• [Supplied records]
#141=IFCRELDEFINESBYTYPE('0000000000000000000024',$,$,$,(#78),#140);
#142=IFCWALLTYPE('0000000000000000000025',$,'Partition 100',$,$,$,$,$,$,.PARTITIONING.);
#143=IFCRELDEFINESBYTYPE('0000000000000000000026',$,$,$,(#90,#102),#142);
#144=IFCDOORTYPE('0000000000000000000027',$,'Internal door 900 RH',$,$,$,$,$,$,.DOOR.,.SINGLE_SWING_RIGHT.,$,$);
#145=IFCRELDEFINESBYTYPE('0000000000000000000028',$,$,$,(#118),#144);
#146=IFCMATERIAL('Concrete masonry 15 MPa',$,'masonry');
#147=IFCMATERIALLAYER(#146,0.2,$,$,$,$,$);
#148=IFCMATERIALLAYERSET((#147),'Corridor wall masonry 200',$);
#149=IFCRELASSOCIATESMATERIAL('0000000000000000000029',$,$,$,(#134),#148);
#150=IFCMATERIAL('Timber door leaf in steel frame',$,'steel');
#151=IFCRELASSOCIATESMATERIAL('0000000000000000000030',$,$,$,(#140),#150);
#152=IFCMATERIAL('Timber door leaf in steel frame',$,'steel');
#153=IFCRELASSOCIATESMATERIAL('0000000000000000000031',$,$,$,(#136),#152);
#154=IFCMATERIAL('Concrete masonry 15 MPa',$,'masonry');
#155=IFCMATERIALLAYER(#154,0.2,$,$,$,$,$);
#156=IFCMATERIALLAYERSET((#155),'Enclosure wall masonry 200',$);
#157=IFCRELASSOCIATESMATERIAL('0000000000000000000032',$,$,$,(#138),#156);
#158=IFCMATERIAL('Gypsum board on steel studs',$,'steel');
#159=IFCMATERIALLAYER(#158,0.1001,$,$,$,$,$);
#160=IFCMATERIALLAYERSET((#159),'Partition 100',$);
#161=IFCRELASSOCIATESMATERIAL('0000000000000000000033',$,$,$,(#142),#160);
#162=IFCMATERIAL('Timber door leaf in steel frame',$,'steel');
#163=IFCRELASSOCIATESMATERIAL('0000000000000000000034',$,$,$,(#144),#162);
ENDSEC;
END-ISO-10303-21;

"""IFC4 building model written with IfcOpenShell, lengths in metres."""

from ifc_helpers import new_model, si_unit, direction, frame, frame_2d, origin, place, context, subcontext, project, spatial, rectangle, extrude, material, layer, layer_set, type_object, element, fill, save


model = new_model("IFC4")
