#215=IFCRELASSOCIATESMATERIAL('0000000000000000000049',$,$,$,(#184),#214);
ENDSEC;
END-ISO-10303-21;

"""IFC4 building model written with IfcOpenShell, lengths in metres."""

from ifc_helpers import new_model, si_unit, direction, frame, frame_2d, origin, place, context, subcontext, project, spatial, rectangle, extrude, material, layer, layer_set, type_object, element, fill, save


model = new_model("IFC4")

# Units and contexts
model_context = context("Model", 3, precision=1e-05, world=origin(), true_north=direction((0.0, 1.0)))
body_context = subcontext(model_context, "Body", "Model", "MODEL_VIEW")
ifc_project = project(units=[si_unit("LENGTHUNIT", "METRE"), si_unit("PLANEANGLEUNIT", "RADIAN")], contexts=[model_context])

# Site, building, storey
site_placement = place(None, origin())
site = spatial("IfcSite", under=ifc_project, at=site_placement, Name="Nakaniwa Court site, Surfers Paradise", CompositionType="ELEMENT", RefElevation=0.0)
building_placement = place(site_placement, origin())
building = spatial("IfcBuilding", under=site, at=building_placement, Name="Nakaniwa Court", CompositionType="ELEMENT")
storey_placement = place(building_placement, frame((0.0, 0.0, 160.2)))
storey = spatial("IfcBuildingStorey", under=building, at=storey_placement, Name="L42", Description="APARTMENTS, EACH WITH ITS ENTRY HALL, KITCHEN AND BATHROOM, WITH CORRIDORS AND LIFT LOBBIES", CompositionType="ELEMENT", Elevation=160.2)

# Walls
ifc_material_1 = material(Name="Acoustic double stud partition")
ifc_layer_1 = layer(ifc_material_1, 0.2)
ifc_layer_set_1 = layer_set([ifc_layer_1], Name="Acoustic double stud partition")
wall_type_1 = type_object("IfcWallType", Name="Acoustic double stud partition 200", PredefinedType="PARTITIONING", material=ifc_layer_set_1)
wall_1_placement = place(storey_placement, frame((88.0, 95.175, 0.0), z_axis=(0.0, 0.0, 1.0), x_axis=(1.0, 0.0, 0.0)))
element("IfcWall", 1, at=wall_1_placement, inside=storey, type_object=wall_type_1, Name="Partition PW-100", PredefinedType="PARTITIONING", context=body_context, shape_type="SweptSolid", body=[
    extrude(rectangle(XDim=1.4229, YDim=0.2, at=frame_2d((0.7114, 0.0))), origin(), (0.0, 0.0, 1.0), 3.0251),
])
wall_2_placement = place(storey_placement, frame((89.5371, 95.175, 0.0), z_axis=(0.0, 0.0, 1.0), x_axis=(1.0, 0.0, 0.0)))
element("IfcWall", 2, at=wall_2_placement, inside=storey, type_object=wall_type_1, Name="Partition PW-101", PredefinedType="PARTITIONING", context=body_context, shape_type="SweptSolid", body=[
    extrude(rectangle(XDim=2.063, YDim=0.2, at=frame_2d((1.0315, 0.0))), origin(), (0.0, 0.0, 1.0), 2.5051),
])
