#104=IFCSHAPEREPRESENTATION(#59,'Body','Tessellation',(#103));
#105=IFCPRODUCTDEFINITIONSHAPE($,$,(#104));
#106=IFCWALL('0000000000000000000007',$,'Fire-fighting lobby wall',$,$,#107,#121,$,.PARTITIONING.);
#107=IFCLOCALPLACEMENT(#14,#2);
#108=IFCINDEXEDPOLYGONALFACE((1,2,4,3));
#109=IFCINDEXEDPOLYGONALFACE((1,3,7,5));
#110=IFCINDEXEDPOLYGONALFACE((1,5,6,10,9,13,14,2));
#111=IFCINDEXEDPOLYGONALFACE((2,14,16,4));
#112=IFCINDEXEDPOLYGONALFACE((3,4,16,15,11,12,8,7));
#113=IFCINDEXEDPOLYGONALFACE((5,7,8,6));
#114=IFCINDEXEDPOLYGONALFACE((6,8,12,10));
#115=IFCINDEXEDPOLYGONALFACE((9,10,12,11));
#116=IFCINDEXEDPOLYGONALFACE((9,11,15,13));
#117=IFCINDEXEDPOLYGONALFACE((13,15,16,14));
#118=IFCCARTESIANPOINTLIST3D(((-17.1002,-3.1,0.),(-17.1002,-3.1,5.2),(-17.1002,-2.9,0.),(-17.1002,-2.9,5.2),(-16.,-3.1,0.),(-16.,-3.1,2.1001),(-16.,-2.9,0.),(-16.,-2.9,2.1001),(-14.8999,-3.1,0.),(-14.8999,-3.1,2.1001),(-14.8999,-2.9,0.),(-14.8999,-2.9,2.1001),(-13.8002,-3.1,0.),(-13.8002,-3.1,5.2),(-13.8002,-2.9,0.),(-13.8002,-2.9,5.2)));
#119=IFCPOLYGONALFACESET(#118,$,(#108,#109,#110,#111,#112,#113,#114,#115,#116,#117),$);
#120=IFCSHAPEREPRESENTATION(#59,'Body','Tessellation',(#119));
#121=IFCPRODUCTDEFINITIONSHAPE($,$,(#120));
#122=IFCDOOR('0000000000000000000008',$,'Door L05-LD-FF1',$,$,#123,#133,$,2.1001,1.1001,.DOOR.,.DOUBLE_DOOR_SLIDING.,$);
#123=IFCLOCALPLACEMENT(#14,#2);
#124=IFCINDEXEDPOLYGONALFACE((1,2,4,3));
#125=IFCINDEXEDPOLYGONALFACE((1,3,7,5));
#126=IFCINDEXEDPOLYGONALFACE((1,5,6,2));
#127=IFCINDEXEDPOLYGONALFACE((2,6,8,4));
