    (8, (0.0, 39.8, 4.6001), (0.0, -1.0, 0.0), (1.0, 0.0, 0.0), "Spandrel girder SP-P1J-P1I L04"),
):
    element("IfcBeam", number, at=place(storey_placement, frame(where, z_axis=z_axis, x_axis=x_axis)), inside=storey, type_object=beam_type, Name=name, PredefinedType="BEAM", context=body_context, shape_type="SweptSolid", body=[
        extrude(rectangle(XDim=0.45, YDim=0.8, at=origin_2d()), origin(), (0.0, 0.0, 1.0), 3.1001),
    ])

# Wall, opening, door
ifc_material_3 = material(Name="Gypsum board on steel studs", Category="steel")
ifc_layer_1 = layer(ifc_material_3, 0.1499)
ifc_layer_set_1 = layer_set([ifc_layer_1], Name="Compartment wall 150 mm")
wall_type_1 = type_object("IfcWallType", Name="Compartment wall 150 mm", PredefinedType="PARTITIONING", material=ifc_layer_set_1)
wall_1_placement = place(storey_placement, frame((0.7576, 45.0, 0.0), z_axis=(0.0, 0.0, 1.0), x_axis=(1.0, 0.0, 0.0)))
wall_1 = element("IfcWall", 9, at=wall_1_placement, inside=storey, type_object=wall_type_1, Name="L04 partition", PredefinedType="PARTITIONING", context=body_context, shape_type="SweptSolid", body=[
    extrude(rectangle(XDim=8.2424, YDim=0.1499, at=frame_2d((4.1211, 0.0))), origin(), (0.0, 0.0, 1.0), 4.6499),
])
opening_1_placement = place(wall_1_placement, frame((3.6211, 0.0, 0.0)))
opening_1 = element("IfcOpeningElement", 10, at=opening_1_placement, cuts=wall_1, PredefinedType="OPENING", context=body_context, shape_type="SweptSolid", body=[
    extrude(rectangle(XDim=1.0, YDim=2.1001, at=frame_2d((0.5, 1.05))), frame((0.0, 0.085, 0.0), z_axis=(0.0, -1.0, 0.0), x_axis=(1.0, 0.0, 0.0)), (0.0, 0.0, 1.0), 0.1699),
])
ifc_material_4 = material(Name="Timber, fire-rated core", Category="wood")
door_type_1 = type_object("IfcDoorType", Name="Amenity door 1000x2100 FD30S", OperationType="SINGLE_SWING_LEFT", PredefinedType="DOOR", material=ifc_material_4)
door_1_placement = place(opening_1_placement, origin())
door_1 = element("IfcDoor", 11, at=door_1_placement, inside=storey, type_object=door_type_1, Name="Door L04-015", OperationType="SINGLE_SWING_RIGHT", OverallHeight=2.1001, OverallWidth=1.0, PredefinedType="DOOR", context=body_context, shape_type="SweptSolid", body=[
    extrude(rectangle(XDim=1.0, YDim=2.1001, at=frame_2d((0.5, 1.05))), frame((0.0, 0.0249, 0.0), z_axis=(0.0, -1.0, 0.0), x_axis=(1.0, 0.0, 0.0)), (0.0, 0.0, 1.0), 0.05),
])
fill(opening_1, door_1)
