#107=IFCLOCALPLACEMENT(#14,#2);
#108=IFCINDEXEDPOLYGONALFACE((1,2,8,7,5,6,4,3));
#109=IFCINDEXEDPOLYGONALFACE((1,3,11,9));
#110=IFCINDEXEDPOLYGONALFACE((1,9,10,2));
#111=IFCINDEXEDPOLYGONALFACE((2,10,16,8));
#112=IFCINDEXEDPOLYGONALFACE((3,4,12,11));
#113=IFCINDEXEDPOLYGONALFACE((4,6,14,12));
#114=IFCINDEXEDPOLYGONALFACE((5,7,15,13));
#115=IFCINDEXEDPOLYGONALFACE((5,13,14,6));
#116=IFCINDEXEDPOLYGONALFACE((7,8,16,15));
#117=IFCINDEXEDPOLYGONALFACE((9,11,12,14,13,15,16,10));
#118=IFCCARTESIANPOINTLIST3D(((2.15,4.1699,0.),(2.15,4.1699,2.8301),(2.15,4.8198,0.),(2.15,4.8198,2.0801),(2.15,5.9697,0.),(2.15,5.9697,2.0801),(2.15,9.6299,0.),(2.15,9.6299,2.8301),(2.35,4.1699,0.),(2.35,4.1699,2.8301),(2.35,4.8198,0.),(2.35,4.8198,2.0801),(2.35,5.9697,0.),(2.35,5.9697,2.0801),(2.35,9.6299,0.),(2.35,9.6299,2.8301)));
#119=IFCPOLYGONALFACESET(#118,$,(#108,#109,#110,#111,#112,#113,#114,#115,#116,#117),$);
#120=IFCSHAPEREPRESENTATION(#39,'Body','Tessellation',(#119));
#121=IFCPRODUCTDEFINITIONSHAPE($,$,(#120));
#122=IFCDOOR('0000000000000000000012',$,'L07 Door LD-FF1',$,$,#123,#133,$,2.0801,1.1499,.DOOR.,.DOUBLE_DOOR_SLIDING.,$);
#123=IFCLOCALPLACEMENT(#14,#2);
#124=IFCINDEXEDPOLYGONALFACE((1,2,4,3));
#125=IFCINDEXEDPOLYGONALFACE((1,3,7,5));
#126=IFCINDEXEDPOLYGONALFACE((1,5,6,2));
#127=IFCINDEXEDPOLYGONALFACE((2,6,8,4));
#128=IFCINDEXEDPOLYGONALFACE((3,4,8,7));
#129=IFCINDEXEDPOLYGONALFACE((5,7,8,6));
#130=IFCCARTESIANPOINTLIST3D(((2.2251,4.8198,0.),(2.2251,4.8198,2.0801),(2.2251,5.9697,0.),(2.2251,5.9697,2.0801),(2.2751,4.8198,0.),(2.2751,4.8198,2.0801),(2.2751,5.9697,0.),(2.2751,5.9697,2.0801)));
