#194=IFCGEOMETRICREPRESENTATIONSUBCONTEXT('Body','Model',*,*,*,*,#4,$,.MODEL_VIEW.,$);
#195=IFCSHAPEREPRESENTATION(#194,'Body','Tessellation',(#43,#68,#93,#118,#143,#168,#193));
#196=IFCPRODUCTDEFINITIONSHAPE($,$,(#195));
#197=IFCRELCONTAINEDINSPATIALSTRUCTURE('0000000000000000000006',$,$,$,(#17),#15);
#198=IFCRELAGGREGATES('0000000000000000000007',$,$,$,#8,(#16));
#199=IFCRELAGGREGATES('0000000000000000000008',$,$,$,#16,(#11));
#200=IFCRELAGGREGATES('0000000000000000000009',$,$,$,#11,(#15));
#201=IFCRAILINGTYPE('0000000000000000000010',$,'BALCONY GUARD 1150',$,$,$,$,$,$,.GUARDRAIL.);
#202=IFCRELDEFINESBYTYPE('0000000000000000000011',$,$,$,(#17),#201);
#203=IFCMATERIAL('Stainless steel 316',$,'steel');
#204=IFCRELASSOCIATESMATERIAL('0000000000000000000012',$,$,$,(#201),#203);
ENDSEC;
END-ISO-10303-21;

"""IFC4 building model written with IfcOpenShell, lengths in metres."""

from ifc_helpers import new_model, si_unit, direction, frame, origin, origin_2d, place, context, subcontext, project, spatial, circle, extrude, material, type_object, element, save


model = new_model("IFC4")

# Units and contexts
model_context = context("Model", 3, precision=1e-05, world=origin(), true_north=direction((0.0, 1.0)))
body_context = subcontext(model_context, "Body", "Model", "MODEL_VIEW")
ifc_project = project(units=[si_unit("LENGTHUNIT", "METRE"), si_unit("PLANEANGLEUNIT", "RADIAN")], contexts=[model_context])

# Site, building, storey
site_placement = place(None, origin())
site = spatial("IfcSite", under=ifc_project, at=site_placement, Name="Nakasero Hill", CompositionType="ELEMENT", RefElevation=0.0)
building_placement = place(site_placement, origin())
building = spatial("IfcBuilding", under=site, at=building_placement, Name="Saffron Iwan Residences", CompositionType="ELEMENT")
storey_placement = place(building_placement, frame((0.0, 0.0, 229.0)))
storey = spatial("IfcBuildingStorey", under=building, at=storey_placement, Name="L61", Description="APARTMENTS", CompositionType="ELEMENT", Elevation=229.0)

• [What the exercise asks] Everything from the first line of the entries above through the line with "#144=IFCDOORTYPE('0000000000000000000027',$,'Internal door 900" is to be reproduced exactly, and nothing else.

• [Written response]
#141=IFCRELDEFINESBYTYPE('0000000000000000000024',$,$,$,(#78),#140);
#142=IFCWALLTYPE('0000000000000000000025',$,'Partition 100',$,$,$,$,$,$,.PARTITIONING.);
#143=IFCRELDEFINESBYTYPE('0000000000000000000026',$,$,$,(#90,#102),#142);
#144=IFCDOORTYPE('0000000000000000000027',$,'Internal door 900 RH',$,$,$,$,$,$,.DOOR.,.SINGLE_SWING_RIGHT.,$,$);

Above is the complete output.